Output only the lines below from the one containing "#188=IFCINDEXEDPOLYGONALFACE((33,37,38,34));" to the one containing "#191=IFCINDEXEDPOLYGONALFACE((39,40,42,41));", exactly as written, both ends kept.

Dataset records
========

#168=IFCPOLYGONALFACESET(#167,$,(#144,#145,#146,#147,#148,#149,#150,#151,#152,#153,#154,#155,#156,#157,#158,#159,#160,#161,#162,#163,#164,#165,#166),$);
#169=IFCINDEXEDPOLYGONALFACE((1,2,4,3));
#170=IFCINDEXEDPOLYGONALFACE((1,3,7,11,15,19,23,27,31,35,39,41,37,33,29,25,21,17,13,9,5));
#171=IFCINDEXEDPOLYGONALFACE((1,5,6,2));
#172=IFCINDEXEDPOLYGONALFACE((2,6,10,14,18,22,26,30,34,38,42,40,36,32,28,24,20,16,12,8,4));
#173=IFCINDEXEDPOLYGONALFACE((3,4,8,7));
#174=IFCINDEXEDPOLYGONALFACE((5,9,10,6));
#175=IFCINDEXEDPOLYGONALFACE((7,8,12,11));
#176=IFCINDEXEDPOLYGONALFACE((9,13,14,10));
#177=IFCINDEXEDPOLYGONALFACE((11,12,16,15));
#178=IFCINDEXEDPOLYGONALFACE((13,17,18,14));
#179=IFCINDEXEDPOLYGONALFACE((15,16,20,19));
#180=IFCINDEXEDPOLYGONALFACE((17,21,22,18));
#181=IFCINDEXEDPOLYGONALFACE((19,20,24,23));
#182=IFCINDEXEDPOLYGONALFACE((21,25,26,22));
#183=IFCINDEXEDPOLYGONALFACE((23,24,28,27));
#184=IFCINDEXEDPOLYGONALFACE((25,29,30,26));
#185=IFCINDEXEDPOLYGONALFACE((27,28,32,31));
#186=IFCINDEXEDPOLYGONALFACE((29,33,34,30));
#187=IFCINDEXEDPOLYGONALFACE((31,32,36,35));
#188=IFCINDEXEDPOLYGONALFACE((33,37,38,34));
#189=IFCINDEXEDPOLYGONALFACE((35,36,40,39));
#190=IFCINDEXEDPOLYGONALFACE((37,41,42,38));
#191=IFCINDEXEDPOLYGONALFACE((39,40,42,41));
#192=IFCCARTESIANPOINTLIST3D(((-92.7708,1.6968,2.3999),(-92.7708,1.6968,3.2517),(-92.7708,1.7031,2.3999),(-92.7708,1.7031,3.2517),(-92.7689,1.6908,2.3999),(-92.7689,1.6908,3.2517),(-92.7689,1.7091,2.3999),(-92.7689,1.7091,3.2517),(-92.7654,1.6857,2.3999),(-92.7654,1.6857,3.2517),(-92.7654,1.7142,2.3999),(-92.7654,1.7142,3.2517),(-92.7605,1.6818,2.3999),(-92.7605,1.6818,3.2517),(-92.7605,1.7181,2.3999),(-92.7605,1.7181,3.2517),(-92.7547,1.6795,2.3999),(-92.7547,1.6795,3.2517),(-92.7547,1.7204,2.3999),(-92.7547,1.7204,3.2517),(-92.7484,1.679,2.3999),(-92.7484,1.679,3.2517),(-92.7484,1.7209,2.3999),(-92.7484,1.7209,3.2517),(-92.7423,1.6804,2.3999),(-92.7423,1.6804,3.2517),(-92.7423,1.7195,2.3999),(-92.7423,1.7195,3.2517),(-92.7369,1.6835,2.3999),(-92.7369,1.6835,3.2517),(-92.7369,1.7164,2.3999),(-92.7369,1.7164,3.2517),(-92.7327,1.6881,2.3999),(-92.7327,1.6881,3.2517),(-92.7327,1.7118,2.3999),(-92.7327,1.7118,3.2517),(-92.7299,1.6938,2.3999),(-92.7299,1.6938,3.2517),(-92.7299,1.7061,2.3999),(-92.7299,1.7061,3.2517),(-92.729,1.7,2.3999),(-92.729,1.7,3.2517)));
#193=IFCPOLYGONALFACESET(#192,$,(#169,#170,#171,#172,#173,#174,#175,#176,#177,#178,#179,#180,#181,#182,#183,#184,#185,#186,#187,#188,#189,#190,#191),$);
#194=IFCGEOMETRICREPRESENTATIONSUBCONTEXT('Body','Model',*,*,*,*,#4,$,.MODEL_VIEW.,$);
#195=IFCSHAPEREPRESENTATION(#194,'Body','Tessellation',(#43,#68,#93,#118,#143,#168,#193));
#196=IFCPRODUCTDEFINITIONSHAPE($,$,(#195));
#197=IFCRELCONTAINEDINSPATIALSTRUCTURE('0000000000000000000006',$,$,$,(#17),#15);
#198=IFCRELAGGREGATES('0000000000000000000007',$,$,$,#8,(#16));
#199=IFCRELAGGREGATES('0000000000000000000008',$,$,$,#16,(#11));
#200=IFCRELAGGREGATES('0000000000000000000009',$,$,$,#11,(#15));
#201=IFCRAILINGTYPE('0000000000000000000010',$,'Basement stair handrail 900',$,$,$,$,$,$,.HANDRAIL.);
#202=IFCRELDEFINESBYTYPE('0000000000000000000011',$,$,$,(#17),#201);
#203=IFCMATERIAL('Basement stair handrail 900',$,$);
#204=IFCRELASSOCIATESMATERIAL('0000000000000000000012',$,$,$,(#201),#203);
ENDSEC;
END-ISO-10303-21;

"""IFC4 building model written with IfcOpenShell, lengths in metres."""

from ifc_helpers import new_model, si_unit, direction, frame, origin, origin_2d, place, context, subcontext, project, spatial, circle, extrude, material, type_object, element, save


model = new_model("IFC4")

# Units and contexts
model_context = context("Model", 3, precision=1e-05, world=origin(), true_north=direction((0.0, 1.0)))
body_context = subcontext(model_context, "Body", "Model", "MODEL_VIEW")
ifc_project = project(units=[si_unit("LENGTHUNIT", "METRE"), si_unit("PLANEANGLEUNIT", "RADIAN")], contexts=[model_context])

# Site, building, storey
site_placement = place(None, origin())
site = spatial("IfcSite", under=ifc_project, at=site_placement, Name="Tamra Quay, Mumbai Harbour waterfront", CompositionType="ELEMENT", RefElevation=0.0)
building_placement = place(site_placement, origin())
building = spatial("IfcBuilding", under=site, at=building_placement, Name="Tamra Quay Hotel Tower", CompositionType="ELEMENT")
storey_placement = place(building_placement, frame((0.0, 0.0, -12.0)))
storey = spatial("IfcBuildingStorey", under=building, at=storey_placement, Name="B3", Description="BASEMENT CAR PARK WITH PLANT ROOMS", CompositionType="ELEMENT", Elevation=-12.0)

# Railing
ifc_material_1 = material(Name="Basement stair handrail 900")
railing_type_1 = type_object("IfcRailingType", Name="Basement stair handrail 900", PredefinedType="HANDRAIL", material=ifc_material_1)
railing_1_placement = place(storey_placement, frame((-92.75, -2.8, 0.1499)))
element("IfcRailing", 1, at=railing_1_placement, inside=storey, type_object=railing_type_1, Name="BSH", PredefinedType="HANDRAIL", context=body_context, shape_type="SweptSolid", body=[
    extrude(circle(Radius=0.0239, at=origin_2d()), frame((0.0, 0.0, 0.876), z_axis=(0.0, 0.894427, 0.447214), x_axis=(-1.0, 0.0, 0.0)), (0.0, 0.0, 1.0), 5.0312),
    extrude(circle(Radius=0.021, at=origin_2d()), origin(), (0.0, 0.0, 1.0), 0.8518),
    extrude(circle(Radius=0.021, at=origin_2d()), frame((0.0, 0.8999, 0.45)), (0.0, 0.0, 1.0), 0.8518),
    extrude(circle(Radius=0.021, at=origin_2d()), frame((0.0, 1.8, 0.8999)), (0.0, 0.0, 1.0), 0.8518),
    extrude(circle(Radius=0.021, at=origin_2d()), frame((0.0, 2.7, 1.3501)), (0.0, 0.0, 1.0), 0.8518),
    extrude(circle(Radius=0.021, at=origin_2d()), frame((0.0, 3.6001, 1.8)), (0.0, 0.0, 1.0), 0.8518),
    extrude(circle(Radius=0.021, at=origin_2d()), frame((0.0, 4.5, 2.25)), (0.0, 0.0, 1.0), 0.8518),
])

========

## Result for this task
#188=IFCINDEXEDPOLYGONALFACE((33,37,38,34));
#189=IFCINDEXEDPOLYGONALFACE((35,36,40,39));
#190=IFCINDEXEDPOLYGONALFACE((37,41,42,38));
#191=IFCINDEXEDPOLYGONALFACE((39,40,42,41));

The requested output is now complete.